Only the lines holding the word "IFCRELAGGREGATES" are wanted; copy each of them from the listing.

◆ **MATERIAL FOR THE TASK**

▽

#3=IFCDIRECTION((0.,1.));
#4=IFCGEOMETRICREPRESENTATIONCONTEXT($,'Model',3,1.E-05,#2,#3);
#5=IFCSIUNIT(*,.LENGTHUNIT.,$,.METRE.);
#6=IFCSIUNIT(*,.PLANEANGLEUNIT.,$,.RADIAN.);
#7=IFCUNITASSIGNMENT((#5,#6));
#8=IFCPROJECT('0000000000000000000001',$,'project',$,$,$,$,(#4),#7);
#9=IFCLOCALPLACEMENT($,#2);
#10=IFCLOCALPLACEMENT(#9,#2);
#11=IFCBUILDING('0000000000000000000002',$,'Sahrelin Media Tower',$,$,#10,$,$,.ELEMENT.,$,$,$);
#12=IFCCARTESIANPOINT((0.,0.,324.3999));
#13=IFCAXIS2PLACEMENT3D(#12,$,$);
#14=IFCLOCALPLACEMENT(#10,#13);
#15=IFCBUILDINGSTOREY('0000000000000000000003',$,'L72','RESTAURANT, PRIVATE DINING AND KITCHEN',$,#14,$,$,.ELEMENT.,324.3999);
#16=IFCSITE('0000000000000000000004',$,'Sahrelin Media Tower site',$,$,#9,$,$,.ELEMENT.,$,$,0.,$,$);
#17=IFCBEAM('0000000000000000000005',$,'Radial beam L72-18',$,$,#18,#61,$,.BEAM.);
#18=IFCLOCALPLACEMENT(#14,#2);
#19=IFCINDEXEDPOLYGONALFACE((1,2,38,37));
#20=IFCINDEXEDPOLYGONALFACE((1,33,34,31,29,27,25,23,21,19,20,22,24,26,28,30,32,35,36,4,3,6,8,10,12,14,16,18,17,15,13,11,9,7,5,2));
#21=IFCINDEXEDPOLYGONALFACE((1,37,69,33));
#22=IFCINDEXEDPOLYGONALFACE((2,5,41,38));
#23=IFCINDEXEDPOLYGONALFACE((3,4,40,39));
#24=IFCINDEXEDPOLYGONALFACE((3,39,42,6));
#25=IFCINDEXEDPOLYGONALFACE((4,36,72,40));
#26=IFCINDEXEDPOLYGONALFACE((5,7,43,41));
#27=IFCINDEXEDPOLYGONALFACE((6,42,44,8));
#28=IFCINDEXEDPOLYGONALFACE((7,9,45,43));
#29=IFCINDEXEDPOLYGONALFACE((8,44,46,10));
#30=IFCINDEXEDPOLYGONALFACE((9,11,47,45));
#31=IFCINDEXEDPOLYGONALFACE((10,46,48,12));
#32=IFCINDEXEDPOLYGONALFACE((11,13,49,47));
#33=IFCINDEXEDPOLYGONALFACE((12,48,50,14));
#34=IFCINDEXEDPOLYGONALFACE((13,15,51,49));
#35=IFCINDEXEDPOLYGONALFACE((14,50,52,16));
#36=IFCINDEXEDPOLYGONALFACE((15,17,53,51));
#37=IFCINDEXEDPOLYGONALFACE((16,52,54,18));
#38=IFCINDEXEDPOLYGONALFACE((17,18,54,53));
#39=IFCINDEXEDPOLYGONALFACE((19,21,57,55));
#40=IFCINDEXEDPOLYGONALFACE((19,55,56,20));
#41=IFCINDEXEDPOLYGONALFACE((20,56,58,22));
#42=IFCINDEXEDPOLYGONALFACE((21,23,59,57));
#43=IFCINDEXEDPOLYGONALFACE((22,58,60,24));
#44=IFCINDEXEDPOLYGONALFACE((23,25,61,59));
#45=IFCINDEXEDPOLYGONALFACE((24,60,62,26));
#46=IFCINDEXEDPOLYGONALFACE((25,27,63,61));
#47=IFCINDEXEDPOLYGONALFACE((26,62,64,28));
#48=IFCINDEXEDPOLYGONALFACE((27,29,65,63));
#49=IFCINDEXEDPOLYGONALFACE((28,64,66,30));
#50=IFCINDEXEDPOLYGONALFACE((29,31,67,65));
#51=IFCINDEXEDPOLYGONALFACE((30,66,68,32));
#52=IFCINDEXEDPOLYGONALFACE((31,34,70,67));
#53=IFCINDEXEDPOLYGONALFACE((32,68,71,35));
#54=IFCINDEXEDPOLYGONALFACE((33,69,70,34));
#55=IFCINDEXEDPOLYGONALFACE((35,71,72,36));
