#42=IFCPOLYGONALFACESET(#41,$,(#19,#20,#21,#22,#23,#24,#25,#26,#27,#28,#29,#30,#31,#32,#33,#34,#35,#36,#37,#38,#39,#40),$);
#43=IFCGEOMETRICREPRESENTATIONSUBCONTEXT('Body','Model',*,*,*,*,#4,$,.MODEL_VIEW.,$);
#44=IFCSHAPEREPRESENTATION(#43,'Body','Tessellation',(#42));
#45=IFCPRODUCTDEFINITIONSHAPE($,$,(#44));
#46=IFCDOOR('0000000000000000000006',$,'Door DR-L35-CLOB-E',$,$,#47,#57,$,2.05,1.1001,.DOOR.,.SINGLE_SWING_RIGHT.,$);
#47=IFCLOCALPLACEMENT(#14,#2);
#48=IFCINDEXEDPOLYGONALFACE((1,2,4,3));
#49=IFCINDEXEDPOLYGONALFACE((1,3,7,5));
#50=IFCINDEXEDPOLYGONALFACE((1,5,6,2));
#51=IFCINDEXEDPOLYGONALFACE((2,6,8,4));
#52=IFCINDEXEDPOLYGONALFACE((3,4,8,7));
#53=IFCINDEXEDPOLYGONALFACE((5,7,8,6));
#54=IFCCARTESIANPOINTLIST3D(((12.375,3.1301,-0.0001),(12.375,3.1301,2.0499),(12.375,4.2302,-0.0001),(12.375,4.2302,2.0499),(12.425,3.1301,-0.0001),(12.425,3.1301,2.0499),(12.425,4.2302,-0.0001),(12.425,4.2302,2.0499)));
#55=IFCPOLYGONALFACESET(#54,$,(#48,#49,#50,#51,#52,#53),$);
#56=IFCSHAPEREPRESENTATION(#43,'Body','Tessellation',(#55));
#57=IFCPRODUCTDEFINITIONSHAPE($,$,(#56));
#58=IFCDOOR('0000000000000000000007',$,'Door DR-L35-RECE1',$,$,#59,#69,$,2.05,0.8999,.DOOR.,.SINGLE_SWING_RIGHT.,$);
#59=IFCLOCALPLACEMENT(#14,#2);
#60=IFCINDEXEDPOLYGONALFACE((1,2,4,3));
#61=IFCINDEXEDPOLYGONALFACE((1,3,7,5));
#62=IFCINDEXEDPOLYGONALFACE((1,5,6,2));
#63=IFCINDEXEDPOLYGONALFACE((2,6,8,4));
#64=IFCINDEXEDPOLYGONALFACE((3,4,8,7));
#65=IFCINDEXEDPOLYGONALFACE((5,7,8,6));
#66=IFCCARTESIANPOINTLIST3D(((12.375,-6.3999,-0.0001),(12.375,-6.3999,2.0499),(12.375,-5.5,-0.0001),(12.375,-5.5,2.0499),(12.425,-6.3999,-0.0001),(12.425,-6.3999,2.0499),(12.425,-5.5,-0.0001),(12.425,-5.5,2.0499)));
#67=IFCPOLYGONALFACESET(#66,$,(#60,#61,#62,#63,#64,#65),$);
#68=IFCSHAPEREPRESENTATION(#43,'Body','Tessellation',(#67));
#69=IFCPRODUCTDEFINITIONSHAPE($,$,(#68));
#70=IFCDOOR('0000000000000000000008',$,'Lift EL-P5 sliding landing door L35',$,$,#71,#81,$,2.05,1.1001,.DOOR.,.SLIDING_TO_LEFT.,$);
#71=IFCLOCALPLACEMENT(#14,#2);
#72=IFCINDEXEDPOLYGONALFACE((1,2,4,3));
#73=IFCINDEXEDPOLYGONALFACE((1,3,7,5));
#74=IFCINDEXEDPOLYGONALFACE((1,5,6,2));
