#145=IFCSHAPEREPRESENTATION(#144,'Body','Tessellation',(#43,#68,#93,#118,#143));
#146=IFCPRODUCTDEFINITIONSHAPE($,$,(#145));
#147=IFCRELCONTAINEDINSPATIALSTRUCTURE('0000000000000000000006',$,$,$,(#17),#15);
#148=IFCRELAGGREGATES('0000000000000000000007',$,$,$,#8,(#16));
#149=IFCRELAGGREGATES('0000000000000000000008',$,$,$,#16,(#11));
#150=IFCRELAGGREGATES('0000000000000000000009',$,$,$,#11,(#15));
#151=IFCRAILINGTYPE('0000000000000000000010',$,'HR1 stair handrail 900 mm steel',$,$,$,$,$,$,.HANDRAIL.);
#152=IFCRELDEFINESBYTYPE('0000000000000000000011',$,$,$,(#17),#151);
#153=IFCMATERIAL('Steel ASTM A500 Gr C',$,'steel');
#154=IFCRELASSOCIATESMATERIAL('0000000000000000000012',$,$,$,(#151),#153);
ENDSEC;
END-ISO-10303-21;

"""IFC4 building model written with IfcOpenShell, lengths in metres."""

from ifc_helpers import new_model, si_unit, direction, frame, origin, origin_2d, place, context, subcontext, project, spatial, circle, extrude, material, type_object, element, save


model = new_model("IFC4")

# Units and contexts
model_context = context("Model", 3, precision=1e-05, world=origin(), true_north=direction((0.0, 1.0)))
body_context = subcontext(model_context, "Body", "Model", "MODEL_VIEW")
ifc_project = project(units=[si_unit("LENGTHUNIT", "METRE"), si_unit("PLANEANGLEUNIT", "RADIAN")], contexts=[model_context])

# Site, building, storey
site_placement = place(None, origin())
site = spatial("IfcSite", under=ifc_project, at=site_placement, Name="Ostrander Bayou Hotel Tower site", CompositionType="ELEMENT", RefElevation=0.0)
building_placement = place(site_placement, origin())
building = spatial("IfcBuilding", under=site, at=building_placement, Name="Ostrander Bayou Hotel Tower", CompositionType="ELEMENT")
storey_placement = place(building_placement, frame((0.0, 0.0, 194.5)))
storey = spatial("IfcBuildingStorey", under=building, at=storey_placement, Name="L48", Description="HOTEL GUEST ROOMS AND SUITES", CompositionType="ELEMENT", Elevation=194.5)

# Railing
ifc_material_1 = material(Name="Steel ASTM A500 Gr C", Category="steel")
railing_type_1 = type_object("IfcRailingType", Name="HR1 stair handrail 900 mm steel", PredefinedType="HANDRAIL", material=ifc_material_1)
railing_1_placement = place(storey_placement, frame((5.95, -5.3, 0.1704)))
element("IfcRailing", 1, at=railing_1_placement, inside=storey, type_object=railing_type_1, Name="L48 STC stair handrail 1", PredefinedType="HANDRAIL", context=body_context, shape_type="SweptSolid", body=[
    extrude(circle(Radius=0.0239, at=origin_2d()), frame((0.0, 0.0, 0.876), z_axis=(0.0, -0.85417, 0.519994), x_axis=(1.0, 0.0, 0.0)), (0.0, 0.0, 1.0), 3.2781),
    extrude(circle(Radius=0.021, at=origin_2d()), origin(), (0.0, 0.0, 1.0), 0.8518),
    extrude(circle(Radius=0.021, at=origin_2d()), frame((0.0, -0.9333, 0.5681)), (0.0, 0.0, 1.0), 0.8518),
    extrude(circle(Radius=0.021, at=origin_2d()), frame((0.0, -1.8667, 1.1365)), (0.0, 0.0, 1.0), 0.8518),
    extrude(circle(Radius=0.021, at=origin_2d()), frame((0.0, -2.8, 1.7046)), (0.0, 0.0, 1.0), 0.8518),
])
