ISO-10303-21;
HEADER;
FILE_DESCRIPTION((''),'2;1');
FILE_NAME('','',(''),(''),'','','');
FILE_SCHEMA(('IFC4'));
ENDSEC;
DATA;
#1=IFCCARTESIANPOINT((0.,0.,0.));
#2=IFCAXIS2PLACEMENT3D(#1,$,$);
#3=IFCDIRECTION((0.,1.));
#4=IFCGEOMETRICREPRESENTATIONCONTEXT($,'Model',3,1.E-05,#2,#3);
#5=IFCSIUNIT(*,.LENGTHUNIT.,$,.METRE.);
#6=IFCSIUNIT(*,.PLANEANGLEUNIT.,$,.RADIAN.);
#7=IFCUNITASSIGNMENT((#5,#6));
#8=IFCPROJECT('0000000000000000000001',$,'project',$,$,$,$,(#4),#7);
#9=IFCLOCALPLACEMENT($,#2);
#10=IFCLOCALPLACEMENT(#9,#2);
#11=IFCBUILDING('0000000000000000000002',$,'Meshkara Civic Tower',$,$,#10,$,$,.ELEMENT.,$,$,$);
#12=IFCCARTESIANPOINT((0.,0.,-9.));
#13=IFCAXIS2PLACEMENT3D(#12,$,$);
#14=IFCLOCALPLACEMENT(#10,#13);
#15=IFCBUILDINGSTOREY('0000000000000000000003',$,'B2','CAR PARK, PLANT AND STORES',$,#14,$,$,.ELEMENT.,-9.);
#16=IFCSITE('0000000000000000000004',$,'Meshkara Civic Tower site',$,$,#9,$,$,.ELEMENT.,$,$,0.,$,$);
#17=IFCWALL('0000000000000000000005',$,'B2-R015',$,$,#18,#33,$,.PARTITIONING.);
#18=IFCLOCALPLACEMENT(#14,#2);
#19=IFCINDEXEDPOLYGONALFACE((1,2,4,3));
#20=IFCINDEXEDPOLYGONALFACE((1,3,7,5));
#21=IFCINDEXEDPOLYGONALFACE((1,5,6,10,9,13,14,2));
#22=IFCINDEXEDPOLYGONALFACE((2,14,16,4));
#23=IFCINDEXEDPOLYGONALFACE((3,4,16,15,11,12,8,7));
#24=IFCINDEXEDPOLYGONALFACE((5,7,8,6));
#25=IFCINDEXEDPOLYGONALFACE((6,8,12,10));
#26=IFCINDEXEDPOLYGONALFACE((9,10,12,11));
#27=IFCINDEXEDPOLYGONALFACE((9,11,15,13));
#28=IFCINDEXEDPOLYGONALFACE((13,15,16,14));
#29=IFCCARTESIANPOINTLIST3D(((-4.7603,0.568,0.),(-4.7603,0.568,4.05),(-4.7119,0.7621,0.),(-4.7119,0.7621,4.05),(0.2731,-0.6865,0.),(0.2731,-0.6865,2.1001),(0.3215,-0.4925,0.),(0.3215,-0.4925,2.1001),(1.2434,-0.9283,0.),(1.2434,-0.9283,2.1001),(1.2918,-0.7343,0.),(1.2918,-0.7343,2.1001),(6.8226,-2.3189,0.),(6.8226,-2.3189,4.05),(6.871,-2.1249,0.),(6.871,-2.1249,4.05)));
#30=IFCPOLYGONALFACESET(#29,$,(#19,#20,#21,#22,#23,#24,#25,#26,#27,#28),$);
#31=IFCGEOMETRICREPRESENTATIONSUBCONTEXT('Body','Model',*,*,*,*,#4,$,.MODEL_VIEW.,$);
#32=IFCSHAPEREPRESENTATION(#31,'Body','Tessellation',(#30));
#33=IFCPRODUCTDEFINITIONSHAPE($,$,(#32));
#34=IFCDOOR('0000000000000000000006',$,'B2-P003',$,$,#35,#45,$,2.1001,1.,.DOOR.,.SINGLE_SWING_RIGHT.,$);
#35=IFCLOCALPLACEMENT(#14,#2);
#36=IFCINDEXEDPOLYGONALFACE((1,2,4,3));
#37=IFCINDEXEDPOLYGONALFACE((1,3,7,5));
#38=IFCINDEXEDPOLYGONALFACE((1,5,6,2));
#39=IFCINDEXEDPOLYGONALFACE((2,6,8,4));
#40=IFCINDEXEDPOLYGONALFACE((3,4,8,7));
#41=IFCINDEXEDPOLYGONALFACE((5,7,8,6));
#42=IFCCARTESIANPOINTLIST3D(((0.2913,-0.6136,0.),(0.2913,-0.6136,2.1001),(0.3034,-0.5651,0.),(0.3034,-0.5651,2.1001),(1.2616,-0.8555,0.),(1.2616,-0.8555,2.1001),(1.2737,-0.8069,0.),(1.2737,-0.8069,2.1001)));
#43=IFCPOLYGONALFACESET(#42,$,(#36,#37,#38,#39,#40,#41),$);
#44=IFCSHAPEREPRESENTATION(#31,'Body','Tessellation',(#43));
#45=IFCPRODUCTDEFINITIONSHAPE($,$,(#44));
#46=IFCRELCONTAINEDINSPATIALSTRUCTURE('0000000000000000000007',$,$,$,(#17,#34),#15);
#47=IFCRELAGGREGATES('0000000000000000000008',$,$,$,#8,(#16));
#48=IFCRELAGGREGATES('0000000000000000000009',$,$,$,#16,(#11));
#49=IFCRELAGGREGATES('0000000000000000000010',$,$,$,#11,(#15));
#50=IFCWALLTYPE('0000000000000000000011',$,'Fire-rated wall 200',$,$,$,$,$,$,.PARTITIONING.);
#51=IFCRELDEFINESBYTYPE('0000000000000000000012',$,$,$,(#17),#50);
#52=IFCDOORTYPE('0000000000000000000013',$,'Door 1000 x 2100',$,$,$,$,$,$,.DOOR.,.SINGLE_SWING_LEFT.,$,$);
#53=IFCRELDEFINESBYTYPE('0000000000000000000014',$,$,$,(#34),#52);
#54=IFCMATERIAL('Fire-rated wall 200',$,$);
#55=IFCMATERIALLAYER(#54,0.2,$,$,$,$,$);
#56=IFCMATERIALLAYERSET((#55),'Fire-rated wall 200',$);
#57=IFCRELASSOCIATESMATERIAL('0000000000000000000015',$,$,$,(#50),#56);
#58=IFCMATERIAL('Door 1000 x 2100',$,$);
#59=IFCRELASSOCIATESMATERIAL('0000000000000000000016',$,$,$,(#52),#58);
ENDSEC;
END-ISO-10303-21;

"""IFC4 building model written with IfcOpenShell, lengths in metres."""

from ifc_helpers import new_model, si_unit, direction, frame, frame_2d, origin, place, context, subcontext, project, spatial, rectangle, extrude, material, layer, layer_set, type_object, element, fill, save


model = new_model("IFC4")

# Units and contexts
model_context = context("Model", 3, precision=1e-05, world=origin(), true_north=direction((0.0, 1.0)))
body_context = subcontext(model_context, "Body", "Model", "MODEL_VIEW")
ifc_project = project(units=[si_unit("LENGTHUNIT", "METRE"), si_unit("PLANEANGLEUNIT", "RADIAN")], contexts=[model_context])

# Site, building, storey
site_placement = place(None, origin())
site = spatial("IfcSite", under=ifc_project, at=site_placement, Name="Meshkara Civic Tower site", CompositionType="ELEMENT", RefElevation=0.0)
building_placement = place(site_placement, origin())
building = spatial("IfcBuilding", under=site, at=building_placement, Name="Meshkara Civic Tower", CompositionType="ELEMENT")
storey_placement = place(building_placement, frame((0.0, 0.0, -9.0)))
storey = spatial("IfcBuildingStorey", under=building, at=storey_placement, Name="B2", Description="CAR PARK, PLANT AND STORES", CompositionType="ELEMENT", Elevation=-9.0)

# Wall, opening, door
ifc_material_1 = material(Name="Fire-rated wall 200")
ifc_layer_1 = layer(ifc_material_1, 0.2)
ifc_layer_set_1 = layer_set([ifc_layer_1], Name="Fire-rated wall 200")
wall_type = type_object("IfcWallType", Name="Fire-rated wall 200", PredefinedType="PARTITIONING", material=ifc_layer_set_1)
wall_placement = place(storey_placement, frame((6.8469, -2.2219, 0.0), z_axis=(0.0, 0.0, 1.0), x_axis=(-0.970315, 0.241843, 0.0)))
wall = element("IfcWall", 1, at=wall_placement, inside=storey, type_object=wall_type, Name="B2-R015", PredefinedType="PARTITIONING", context=body_context, shape_type="SweptSolid", body=[
    extrude(rectangle(XDim=11.9373, YDim=0.2, at=frame_2d((5.9688, 0.0))), origin(), (0.0, 0.0, 1.0), 4.05),
])
opening_placement = place(wall_placement, frame((5.75, 0.0, 0.0)))
opening = element("IfcOpeningElement", 2, at=opening_placement, cuts=wall, PredefinedType="OPENING", context=body_context, shape_type="SweptSolid", body=[
    extrude(rectangle(XDim=1.0, YDim=2.1001, at=frame_2d((0.5, 1.05))), frame((0.0, 0.1099, 0.0), z_axis=(0.0, -1.0, 0.0), x_axis=(1.0, 0.0, 0.0)), (0.0, 0.0, 1.0), 0.22),
])
ifc_material_2 = material(Name="Door 1000 x 2100")
door_type = type_object("IfcDoorType", Name="Door 1000 x 2100", OperationType="SINGLE_SWING_LEFT", PredefinedType="DOOR", material=ifc_material_2)
door_placement = place(opening_placement, origin())
door = element("IfcDoor", 3, at=door_placement, inside=storey, type_object=door_type, Name="B2-P003", OperationType="SINGLE_SWING_RIGHT", OverallHeight=2.1001, OverallWidth=1.0, PredefinedType="DOOR", context=body_context, shape_type="SweptSolid", body=[
    extrude(rectangle(XDim=1.0, YDim=2.1001, at=frame_2d((0.5, 1.05))), frame((0.0, 0.0249, 0.0), z_axis=(0.0, -1.0, 0.0), x_axis=(1.0, 0.0, 0.0)), (0.0, 0.0, 1.0), 0.05),
])
fill(opening, door)

save(model, "model.ifc")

△

◆ **TASK SOLUTION**
#148=IFCRELAGGREGATES('0000000000000000000007',$,$,$,#8,(#16));
#149=IFCRELAGGREGATES('0000000000000000000008',$,$,$,#16,(#11));
#150=IFCRELAGGREGATES('0000000000000000000009',$,$,$,#11,(#15));
#47=IFCRELAGGREGATES('0000000000000000000008',$,$,$,#8,(#16));
#48=IFCRELAGGREGATES('0000000000000000000009',$,$,$,#16,(#11));
#49=IFCRELAGGREGATES('0000000000000000000010',$,$,$,#11,(#15));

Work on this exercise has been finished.